▸ **What to produce**
Output exactly the span of lines beginning with the one that holds "building model written" and ending with the last line of the data below.

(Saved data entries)
━━━━━━━━━━━━━━━━

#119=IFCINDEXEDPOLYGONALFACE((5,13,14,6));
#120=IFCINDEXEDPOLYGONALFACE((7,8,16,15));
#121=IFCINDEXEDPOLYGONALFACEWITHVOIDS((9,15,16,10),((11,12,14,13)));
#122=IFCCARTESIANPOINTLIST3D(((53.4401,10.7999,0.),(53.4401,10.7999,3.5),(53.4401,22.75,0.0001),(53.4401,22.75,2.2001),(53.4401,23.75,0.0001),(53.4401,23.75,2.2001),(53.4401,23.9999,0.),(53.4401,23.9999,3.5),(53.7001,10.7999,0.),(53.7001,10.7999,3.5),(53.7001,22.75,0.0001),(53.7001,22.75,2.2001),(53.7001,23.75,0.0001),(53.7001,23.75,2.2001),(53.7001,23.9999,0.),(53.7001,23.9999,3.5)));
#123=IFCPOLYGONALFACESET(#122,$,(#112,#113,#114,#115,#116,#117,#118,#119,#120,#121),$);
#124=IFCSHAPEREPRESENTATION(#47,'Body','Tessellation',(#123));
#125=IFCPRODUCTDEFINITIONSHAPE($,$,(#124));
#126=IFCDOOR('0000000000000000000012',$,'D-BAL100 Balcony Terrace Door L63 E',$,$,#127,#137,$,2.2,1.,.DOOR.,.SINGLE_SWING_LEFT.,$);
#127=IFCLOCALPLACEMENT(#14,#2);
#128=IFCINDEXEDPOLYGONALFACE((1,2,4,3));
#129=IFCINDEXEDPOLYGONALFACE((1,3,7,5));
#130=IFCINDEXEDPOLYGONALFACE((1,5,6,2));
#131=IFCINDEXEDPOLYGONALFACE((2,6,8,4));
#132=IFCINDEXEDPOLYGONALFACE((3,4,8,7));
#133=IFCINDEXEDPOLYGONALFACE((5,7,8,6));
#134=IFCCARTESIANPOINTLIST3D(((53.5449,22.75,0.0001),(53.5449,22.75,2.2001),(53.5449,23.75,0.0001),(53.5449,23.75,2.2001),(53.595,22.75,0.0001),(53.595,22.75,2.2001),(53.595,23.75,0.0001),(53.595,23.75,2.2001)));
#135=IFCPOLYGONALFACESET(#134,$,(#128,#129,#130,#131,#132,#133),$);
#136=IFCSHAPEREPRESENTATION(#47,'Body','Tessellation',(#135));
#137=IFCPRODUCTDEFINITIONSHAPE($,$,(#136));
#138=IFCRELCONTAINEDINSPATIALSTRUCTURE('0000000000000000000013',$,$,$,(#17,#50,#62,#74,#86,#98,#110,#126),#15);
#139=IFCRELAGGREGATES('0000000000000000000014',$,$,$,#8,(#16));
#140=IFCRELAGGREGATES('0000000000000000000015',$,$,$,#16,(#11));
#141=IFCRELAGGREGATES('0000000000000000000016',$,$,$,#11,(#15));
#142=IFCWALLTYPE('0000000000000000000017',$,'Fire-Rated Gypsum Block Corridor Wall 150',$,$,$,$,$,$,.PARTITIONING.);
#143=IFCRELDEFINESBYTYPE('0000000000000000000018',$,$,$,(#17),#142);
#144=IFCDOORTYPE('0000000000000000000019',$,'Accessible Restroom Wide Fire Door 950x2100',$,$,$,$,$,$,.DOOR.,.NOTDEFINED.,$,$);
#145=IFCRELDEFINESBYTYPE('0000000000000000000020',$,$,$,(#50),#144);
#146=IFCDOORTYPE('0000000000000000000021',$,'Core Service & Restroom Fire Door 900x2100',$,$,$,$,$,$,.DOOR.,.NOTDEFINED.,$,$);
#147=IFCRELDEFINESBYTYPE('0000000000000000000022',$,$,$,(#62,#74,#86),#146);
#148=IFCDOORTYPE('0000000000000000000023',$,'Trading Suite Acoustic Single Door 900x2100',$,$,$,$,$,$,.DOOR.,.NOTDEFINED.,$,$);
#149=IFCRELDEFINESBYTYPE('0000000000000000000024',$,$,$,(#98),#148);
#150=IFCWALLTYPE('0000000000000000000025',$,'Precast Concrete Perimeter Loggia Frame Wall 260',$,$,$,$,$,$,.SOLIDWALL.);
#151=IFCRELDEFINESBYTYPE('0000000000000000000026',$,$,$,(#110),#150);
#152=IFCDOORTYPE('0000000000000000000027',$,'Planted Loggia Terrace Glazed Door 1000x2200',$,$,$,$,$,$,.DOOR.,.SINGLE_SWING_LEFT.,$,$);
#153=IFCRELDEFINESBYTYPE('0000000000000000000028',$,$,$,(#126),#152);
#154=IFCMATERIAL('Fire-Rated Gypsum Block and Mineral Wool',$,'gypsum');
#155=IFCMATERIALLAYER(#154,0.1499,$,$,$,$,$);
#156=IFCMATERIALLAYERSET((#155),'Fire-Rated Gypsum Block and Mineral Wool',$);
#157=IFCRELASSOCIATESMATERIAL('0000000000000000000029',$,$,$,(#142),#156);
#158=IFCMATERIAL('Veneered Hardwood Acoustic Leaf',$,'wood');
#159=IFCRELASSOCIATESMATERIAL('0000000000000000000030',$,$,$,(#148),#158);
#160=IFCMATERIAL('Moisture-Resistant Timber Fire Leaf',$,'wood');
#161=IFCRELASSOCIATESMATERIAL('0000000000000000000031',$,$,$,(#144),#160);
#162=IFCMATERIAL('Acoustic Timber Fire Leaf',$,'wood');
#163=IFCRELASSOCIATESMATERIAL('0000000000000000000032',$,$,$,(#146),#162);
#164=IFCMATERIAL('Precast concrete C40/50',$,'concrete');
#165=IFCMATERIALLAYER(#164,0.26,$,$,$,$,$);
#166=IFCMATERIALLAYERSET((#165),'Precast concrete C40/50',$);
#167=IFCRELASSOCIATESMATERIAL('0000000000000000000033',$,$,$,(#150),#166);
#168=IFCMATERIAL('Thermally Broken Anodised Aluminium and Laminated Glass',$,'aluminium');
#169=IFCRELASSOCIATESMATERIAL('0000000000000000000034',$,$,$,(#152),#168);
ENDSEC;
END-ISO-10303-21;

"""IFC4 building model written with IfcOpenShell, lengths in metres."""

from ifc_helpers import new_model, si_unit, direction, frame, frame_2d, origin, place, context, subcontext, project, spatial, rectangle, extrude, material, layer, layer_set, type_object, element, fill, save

━━━━━━━━━━━━━━━━

▸ **Worked solution**
"""IFC4 building model written with IfcOpenShell, lengths in metres."""

from ifc_helpers import new_model, si_unit, direction, frame, frame_2d, origin, place, context, subcontext, project, spatial, rectangle, extrude, material, layer, layer_set, type_object, element, fill, save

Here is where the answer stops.